__REQUIRED WORK__: Using the material below, write out every entry exactly.

__RECORDS FOR THE EXERCISE__:
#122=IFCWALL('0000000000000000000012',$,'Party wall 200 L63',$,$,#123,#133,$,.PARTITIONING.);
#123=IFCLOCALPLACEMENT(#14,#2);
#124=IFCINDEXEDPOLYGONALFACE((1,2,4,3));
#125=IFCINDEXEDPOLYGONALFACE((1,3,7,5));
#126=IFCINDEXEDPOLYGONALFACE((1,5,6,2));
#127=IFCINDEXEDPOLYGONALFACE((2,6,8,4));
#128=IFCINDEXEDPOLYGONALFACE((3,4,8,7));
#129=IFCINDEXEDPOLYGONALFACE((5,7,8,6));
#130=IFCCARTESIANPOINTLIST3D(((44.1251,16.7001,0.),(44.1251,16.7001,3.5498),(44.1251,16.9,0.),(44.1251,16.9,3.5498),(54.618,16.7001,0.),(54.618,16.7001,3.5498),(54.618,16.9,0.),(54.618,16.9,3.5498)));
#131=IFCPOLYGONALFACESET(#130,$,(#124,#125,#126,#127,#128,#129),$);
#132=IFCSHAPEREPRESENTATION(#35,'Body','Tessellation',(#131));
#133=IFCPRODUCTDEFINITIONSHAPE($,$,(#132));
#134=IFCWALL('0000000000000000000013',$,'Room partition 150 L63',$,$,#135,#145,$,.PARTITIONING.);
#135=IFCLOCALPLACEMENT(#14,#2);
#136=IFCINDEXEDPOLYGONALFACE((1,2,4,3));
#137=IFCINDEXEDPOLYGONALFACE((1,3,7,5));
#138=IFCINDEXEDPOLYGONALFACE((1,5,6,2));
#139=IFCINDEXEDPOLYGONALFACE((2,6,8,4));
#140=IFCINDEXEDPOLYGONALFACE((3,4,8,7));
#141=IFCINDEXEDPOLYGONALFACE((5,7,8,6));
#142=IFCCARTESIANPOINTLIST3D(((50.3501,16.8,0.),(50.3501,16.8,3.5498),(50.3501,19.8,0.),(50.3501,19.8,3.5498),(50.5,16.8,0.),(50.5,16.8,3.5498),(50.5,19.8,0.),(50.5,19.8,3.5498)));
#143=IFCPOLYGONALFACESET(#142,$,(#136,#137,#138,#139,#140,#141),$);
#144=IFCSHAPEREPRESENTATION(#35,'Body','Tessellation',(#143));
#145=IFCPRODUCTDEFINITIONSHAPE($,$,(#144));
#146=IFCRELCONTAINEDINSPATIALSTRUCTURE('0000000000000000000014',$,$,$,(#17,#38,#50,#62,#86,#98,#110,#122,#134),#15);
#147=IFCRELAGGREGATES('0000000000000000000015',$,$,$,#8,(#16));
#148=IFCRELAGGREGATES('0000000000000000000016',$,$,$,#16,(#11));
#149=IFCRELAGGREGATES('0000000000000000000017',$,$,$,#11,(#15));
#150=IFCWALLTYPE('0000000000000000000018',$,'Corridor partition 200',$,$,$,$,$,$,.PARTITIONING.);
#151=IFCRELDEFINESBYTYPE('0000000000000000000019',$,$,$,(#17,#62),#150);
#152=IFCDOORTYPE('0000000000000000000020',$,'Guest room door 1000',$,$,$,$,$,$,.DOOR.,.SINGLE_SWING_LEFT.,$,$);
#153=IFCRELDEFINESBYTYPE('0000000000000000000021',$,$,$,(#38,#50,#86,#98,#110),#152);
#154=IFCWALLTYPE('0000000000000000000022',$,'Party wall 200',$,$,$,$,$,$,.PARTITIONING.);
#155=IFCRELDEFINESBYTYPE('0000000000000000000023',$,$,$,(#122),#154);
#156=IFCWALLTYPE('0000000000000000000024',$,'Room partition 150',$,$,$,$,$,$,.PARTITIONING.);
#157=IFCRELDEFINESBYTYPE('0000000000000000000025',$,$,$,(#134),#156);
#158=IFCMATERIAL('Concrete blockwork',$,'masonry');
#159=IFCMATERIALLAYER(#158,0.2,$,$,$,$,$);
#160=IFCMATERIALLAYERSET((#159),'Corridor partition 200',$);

__TASK RESULT__:
#122=IFCWALL('0000000000000000000012',$,'Party wall 200 L63',$,$,#123,#133,$,.PARTITIONING.);
#123=IFCLOCALPLACEMENT(#14,#2);
#124=IFCINDEXEDPOLYGONALFACE((1,2,4,3));
#125=IFCINDEXEDPOLYGONALFACE((1,3,7,5));
#126=IFCINDEXEDPOLYGONALFACE((1,5,6,2));
#127=IFCINDEXEDPOLYGONALFACE((2,6,8,4));
#128=IFCINDEXEDPOLYGONALFACE((3,4,8,7));
#129=IFCINDEXEDPOLYGONALFACE((5,7,8,6));
#130=IFCCARTESIANPOINTLIST3D(((44.1251,16.7001,0.),(44.1251,16.7001,3.5498),(44.1251,16.9,0.),(44.1251,16.9,3.5498),(54.618,16.7001,0.),(54.618,16.7001,3.5498),(54.618,16.9,0.),(54.618,16.9,3.5498)));
#131=IFCPOLYGONALFACESET(#130,$,(#124,#125,#126,#127,#128,#129),$);
#132=IFCSHAPEREPRESENTATION(#35,'Body','Tessellation',(#131));
#133=IFCPRODUCTDEFINITIONSHAPE($,$,(#132));
#134=IFCWALL('0000000000000000000013',$,'Room partition 150 L63',$,$,#135,#145,$,.PARTITIONING.);
#135=IFCLOCALPLACEMENT(#14,#2);
#136=IFCINDEXEDPOLYGONALFACE((1,2,4,3));
#137=IFCINDEXEDPOLYGONALFACE((1,3,7,5));
#138=IFCINDEXEDPOLYGONALFACE((1,5,6,2));
#139=IFCINDEXEDPOLYGONALFACE((2,6,8,4));
#140=IFCINDEXEDPOLYGONALFACE((3,4,8,7));
#141=IFCINDEXEDPOLYGONALFACE((5,7,8,6));
#142=IFCCARTESIANPOINTLIST3D(((50.3501,16.8,0.),(50.3501,16.8,3.5498),(50.3501,19.8,0.),(50.3501,19.8,3.5498),(50.5,16.8,0.),(50.5,16.8,3.5498),(50.5,19.8,0.),(50.5,19.8,3.5498)));
#143=IFCPOLYGONALFACESET(#142,$,(#136,#137,#138,#139,#140,#141),$);
#144=IFCSHAPEREPRESENTATION(#35,'Body','Tessellation',(#143));
#145=IFCPRODUCTDEFINITIONSHAPE($,$,(#144));
#146=IFCRELCONTAINEDINSPATIALSTRUCTURE('0000000000000000000014',$,$,$,(#17,#38,#50,#62,#86,#98,#110,#122,#134),#15);
#147=IFCRELAGGREGATES('0000000000000000000015',$,$,$,#8,(#16));
#148=IFCRELAGGREGATES('0000000000000000000016',$,$,$,#16,(#11));
#149=IFCRELAGGREGATES('0000000000000000000017',$,$,$,#11,(#15));
#150=IFCWALLTYPE('0000000000000000000018',$,'Corridor partition 200',$,$,$,$,$,$,.PARTITIONING.);
#151=IFCRELDEFINESBYTYPE('0000000000000000000019',$,$,$,(#17,#62),#150);
#152=IFCDOORTYPE('0000000000000000000020',$,'Guest room door 1000',$,$,$,$,$,$,.DOOR.,.SINGLE_SWING_LEFT.,$,$);
#153=IFCRELDEFINESBYTYPE('0000000000000000000021',$,$,$,(#38,#50,#86,#98,#110),#152);
#154=IFCWALLTYPE('0000000000000000000022',$,'Party wall 200',$,$,$,$,$,$,.PARTITIONING.);
#155=IFCRELDEFINESBYTYPE('0000000000000000000023',$,$,$,(#122),#154);
#156=IFCWALLTYPE('0000000000000000000024',$,'Room partition 150',$,$,$,$,$,$,.PARTITIONING.);
#157=IFCRELDEFINESBYTYPE('0000000000000000000025',$,$,$,(#134),#156);
#158=IFCMATERIAL('Concrete blockwork',$,'masonry');
#159=IFCMATERIALLAYER(#158,0.2,$,$,$,$,$);
#160=IFCMATERIALLAYERSET((#159),'Corridor partition 200',$);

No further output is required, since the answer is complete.